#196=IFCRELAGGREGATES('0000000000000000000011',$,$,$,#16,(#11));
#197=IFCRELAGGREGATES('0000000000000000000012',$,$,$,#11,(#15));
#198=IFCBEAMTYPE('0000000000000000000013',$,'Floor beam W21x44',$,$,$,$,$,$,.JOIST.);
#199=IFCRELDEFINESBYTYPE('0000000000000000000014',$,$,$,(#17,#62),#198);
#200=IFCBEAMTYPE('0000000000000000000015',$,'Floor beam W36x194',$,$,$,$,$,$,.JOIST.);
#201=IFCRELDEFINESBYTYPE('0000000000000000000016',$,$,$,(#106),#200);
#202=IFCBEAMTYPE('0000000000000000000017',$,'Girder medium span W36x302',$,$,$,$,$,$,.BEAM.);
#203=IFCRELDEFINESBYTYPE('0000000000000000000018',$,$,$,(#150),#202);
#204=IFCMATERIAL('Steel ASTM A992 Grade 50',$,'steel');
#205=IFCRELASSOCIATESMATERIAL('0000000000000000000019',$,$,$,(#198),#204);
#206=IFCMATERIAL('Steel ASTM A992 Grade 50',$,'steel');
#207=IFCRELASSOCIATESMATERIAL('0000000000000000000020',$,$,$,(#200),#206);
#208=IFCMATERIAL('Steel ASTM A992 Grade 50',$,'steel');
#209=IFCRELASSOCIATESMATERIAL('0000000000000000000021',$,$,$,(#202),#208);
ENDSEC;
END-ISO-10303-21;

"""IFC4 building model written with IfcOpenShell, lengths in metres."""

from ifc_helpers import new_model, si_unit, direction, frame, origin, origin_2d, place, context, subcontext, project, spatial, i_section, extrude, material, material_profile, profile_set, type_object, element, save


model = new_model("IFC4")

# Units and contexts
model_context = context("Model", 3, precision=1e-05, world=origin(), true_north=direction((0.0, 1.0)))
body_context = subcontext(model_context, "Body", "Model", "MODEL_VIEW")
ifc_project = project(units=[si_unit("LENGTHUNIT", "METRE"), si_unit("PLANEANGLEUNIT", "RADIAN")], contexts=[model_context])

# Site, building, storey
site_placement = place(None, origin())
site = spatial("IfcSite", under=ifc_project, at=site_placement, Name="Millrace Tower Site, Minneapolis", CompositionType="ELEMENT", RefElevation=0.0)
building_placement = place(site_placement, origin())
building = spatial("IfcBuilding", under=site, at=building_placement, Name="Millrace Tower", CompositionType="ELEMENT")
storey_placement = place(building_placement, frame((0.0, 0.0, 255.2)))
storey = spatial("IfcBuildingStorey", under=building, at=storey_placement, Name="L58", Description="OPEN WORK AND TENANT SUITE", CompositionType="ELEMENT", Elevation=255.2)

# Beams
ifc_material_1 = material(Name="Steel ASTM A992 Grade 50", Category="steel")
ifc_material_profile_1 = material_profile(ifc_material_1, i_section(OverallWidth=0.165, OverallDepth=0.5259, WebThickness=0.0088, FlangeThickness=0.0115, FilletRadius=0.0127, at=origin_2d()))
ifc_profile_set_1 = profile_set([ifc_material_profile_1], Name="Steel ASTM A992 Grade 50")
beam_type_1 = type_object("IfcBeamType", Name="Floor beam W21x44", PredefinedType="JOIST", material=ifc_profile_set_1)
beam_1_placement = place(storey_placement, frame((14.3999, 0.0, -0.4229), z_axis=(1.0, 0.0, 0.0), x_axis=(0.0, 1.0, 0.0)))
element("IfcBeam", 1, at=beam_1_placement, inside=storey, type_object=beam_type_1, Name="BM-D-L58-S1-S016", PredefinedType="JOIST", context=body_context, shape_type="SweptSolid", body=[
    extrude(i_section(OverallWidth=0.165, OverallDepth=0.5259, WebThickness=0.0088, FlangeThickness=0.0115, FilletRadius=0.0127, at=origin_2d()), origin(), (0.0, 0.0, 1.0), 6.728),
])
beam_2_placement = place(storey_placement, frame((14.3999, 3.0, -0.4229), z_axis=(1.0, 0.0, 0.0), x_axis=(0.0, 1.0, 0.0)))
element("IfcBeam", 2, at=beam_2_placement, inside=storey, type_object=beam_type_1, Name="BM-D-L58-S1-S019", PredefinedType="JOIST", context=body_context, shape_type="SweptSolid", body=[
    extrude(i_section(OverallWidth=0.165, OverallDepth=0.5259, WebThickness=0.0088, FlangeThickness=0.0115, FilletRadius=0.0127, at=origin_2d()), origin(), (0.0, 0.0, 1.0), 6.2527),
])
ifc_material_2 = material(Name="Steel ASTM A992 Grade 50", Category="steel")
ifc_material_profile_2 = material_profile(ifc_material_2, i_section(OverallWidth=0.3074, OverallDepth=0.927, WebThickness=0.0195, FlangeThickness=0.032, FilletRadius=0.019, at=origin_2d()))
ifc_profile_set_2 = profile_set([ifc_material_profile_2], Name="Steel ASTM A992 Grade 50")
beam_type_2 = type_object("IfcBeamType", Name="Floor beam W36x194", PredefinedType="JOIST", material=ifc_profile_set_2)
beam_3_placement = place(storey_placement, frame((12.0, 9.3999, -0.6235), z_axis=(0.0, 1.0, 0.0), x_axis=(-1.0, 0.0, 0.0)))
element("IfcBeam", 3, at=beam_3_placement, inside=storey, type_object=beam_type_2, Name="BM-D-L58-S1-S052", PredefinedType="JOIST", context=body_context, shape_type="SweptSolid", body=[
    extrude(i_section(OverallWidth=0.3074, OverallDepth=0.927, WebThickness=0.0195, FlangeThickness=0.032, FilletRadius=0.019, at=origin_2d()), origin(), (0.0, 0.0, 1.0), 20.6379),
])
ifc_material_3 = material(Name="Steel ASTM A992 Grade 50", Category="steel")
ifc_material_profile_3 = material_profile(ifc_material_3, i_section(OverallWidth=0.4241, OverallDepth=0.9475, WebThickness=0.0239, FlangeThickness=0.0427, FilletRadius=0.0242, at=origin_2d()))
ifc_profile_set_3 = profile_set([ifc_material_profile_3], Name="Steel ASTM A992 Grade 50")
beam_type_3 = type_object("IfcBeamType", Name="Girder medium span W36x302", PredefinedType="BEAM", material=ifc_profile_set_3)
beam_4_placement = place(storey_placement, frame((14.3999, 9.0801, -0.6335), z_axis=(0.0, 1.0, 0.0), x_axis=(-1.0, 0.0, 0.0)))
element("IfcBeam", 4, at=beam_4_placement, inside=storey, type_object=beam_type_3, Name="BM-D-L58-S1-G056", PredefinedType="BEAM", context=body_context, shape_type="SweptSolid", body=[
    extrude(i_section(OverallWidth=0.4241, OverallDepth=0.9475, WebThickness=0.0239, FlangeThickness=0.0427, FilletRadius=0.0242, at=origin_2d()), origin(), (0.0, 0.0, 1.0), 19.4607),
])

------------------------------------------------

Reproduce the entries exactly, each one as given.

#196=IFCRELAGGREGATES('0000000000000000000011',$,$,$,#16,(#11));
#197=IFCRELAGGREGATES('0000000000000000000012',$,$,$,#11,(#15));
#198=IFCBEAMTYPE('0000000000000000000013',$,'Floor beam W21x44',$,$,$,$,$,$,.JOIST.);
#199=IFCRELDEFINESBYTYPE('0000000000000000000014',$,$,$,(#17,#62),#198);
#200=IFCBEAMTYPE('0000000000000000000015',$,'Floor beam W36x194',$,$,$,$,$,$,.JOIST.);
#201=IFCRELDEFINESBYTYPE('0000000000000000000016',$,$,$,(#106),#200);
#202=IFCBEAMTYPE('0000000000000000000017',$,'Girder medium span W36x302',$,$,$,$,$,$,.BEAM.);
#203=IFCRELDEFINESBYTYPE('0000000000000000000018',$,$,$,(#150),#202);
#204=IFCMATERIAL('Steel ASTM A992 Grade 50',$,'steel');
#205=IFCRELASSOCIATESMATERIAL('0000000000000000000019',$,$,$,(#198),#204);
#206=IFCMATERIAL('Steel ASTM A992 Grade 50',$,'steel');
#207=IFCRELASSOCIATESMATERIAL('0000000000000000000020',$,$,$,(#200),#206);
#208=IFCMATERIAL('Steel ASTM A992 Grade 50',$,'steel');
#209=IFCRELASSOCIATESMATERIAL('0000000000000000000021',$,$,$,(#202),#208);
ENDSEC;
END-ISO-10303-21;

"""IFC4 building model written with IfcOpenShell, lengths in metres."""

from ifc_helpers import new_model, si_unit, direction, frame, origin, origin_2d, place, context, subcontext, project, spatial, i_section, extrude, material, material_profile, profile_set, type_object, element, save


model = new_model("IFC4")

# Units and contexts
model_context = context("Model", 3, precision=1e-05, world=origin(), true_north=direction((0.0, 1.0)))
body_context = subcontext(model_context, "Body", "Model", "MODEL_VIEW")
ifc_project = project(units=[si_unit("LENGTHUNIT", "METRE"), si_unit("PLANEANGLEUNIT", "RADIAN")], contexts=[model_context])

# Site, building, storey
site_placement = place(None, origin())
site = spatial("IfcSite", under=ifc_project, at=site_placement, Name="Millrace Tower Site, Minneapolis", CompositionType="ELEMENT", RefElevation=0.0)
building_placement = place(site_placement, origin())
building = spatial("IfcBuilding", under=site, at=building_placement, Name="Millrace Tower", CompositionType="ELEMENT")
storey_placement = place(building_placement, frame((0.0, 0.0, 255.2)))
storey = spatial("IfcBuildingStorey", under=building, at=storey_placement, Name="L58", Description="OPEN WORK AND TENANT SUITE", CompositionType="ELEMENT", Elevation=255.2)

# Beams
ifc_material_1 = material(Name="Steel ASTM A992 Grade 50", Category="steel")
ifc_material_profile_1 = material_profile(ifc_material_1, i_section(OverallWidth=0.165, OverallDepth=0.5259, WebThickness=0.0088, FlangeThickness=0.0115, FilletRadius=0.0127, at=origin_2d()))
ifc_profile_set_1 = profile_set([ifc_material_profile_1], Name="Steel ASTM A992 Grade 50")
beam_type_1 = type_object("IfcBeamType", Name="Floor beam W21x44", PredefinedType="JOIST", material=ifc_profile_set_1)
beam_1_placement = place(storey_placement, frame((14.3999, 0.0, -0.4229), z_axis=(1.0, 0.0, 0.0), x_axis=(0.0, 1.0, 0.0)))
element("IfcBeam", 1, at=beam_1_placement, inside=storey, type_object=beam_type_1, Name="BM-D-L58-S1-S016", PredefinedType="JOIST", context=body_context, shape_type="SweptSolid", body=[
    extrude(i_section(OverallWidth=0.165, OverallDepth=0.5259, WebThickness=0.0088, FlangeThickness=0.0115, FilletRadius=0.0127, at=origin_2d()), origin(), (0.0, 0.0, 1.0), 6.728),
])
beam_2_placement = place(storey_placement, frame((14.3999, 3.0, -0.4229), z_axis=(1.0, 0.0, 0.0), x_axis=(0.0, 1.0, 0.0)))
element("IfcBeam", 2, at=beam_2_placement, inside=storey, type_object=beam_type_1, Name="BM-D-L58-S1-S019", PredefinedType="JOIST", context=body_context, shape_type="SweptSolid", body=[
    extrude(i_section(OverallWidth=0.165, OverallDepth=0.5259, WebThickness=0.0088, FlangeThickness=0.0115, FilletRadius=0.0127, at=origin_2d()), origin(), (0.0, 0.0, 1.0), 6.2527),
])
ifc_material_2 = material(Name="Steel ASTM A992 Grade 50", Category="steel")
ifc_material_profile_2 = material_profile(ifc_material_2, i_section(OverallWidth=0.3074, OverallDepth=0.927, WebThickness=0.0195, FlangeThickness=0.032, FilletRadius=0.019, at=origin_2d()))
ifc_profile_set_2 = profile_set([ifc_material_profile_2], Name="Steel ASTM A992 Grade 50")
beam_type_2 = type_object("IfcBeamType", Name="Floor beam W36x194", PredefinedType="JOIST", material=ifc_profile_set_2)
beam_3_placement = place(storey_placement, frame((12.0, 9.3999, -0.6235), z_axis=(0.0, 1.0, 0.0), x_axis=(-1.0, 0.0, 0.0)))
element("IfcBeam", 3, at=beam_3_placement, inside=storey, type_object=beam_type_2, Name="BM-D-L58-S1-S052", PredefinedType="JOIST", context=body_context, shape_type="SweptSolid", body=[
    extrude(i_section(OverallWidth=0.3074, OverallDepth=0.927, WebThickness=0.0195, FlangeThickness=0.032, FilletRadius=0.019, at=origin_2d()), origin(), (0.0, 0.0, 1.0), 20.6379),
])
ifc_material_3 = material(Name="Steel ASTM A992 Grade 50", Category="steel")
ifc_material_profile_3 = material_profile(ifc_material_3, i_section(OverallWidth=0.4241, OverallDepth=0.9475, WebThickness=0.0239, FlangeThickness=0.0427, FilletRadius=0.0242, at=origin_2d()))
ifc_profile_set_3 = profile_set([ifc_material_profile_3], Name="Steel ASTM A992 Grade 50")
beam_type_3 = type_object("IfcBeamType", Name="Girder medium span W36x302", PredefinedType="BEAM", material=ifc_profile_set_3)
beam_4_placement = place(storey_placement, frame((14.3999, 9.0801, -0.6335), z_axis=(0.0, 1.0, 0.0), x_axis=(-1.0, 0.0, 0.0)))
element("IfcBeam", 4, at=beam_4_placement, inside=storey, type_object=beam_type_3, Name="BM-D-L58-S1-G056", PredefinedType="BEAM", context=body_context, shape_type="SweptSolid", body=[
    extrude(i_section(OverallWidth=0.4241, OverallDepth=0.9475, WebThickness=0.0239, FlangeThickness=0.0427, FilletRadius=0.0242, at=origin_2d()), origin(), (0.0, 0.0, 1.0), 19.4607),
])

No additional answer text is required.